**Task item:** Return the following from the records below: each line, word for word, starting with the line that contains "#114=IFCINDEXEDPOLYGONALFACE((35,36,40,39));" and going on through the line that contains "#116=IFCINDEXEDPOLYGONALFACE((39,40,42,41));", with nothing outside that range.

**Record excerpts:**
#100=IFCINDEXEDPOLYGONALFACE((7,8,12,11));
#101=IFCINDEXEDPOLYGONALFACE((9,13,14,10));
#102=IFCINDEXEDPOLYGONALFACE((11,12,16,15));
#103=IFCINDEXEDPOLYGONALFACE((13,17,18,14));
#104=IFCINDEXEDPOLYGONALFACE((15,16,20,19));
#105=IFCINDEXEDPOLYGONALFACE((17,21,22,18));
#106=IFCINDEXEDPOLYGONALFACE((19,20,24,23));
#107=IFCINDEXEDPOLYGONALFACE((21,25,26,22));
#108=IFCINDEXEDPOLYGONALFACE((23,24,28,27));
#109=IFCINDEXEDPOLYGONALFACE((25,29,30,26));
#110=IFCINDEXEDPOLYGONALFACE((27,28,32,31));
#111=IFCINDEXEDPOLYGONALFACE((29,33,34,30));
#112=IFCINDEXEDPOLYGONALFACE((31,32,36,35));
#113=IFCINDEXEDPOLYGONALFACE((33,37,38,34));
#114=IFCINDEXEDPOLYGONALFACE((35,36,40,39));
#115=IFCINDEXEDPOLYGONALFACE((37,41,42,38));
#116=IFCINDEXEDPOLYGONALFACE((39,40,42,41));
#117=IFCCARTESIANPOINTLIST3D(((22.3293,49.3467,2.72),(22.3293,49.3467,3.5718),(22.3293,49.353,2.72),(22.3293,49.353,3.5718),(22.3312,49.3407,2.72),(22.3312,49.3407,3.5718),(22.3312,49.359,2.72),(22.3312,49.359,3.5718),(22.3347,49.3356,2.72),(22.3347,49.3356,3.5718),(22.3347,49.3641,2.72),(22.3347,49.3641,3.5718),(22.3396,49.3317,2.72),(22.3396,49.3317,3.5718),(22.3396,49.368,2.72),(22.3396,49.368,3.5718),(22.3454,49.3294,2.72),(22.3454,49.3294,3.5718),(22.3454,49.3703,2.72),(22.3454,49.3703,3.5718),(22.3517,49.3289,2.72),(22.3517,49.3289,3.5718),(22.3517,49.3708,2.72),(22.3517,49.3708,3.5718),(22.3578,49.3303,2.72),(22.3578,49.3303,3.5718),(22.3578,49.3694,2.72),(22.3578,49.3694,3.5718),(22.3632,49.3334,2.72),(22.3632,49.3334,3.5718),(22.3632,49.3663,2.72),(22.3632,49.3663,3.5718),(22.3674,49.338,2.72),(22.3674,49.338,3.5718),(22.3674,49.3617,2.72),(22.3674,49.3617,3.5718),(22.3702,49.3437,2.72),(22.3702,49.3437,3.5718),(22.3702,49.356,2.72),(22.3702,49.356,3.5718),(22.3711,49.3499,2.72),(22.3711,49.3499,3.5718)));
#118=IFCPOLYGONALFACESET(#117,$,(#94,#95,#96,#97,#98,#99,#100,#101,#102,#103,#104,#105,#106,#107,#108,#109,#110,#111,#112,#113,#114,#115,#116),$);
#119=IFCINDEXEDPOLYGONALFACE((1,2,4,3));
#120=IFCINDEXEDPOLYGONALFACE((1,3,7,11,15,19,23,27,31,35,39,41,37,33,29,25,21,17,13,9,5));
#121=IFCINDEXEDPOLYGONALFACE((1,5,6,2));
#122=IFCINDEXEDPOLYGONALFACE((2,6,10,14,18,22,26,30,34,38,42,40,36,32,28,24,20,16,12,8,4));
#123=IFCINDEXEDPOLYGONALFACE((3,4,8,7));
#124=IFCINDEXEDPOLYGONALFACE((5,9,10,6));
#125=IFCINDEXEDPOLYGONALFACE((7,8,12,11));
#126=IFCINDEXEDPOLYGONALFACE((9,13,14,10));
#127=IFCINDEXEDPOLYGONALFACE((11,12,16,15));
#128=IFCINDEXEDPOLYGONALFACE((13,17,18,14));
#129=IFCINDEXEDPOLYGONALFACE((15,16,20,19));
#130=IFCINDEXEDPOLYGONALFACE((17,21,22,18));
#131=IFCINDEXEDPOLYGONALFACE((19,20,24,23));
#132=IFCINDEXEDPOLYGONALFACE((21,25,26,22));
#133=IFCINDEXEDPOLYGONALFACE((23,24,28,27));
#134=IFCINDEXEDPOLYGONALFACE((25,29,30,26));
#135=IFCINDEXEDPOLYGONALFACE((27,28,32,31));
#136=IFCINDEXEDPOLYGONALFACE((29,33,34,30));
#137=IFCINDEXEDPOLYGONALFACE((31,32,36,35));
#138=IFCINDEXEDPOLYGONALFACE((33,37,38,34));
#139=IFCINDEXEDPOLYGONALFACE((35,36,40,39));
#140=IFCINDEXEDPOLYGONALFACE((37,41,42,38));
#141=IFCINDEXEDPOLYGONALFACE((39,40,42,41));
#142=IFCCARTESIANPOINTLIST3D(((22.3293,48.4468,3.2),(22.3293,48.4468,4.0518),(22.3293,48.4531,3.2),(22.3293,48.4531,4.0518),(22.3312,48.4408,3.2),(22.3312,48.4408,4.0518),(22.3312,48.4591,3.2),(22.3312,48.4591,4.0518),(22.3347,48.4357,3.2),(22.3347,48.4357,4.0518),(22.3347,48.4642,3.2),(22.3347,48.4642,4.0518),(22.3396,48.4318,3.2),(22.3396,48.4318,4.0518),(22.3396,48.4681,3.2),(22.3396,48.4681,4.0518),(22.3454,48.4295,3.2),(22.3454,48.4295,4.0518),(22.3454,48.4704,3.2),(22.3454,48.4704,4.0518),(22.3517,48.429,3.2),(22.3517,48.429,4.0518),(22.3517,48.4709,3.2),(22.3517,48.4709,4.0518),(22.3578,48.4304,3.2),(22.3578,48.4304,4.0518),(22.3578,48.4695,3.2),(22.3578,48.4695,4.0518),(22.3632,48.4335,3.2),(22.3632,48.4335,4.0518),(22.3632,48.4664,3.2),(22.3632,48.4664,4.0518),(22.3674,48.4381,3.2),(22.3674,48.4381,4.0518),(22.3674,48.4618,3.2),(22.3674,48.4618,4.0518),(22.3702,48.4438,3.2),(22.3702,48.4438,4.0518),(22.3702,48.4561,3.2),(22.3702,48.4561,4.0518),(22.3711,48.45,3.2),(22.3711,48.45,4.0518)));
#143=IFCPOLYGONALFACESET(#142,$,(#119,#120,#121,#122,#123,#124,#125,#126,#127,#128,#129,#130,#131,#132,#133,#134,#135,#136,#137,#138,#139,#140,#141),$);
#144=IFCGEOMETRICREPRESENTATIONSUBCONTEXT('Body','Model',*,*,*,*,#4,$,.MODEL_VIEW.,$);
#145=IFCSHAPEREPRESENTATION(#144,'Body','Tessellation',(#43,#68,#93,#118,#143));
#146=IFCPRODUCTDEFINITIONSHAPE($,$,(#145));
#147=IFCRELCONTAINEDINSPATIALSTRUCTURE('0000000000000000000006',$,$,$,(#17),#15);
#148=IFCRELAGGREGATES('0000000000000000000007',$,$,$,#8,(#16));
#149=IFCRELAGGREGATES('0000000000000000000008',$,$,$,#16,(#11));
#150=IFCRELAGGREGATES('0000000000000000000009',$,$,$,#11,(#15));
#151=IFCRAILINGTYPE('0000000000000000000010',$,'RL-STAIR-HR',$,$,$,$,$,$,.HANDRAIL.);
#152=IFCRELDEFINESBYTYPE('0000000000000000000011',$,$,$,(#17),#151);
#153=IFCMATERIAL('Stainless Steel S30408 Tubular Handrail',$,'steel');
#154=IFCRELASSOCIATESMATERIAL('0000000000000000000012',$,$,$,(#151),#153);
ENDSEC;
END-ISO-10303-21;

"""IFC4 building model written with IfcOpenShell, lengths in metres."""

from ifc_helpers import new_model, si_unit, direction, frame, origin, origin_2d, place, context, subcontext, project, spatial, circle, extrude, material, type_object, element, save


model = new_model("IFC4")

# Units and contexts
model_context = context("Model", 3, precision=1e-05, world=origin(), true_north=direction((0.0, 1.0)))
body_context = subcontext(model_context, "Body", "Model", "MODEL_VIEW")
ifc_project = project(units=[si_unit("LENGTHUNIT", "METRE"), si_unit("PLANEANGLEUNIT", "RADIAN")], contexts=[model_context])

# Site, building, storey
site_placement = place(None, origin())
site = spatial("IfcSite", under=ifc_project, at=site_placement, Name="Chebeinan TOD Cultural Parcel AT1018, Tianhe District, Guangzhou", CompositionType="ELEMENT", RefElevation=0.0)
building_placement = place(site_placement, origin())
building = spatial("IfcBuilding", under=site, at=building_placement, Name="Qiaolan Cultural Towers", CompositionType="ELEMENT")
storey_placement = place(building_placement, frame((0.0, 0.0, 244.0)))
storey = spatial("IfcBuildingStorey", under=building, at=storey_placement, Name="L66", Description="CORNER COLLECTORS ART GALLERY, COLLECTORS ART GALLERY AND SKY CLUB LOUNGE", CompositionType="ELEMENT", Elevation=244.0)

**Completed exercise:**
#114=IFCINDEXEDPOLYGONALFACE((35,36,40,39));
#115=IFCINDEXEDPOLYGONALFACE((37,41,42,38));
#116=IFCINDEXEDPOLYGONALFACE((39,40,42,41));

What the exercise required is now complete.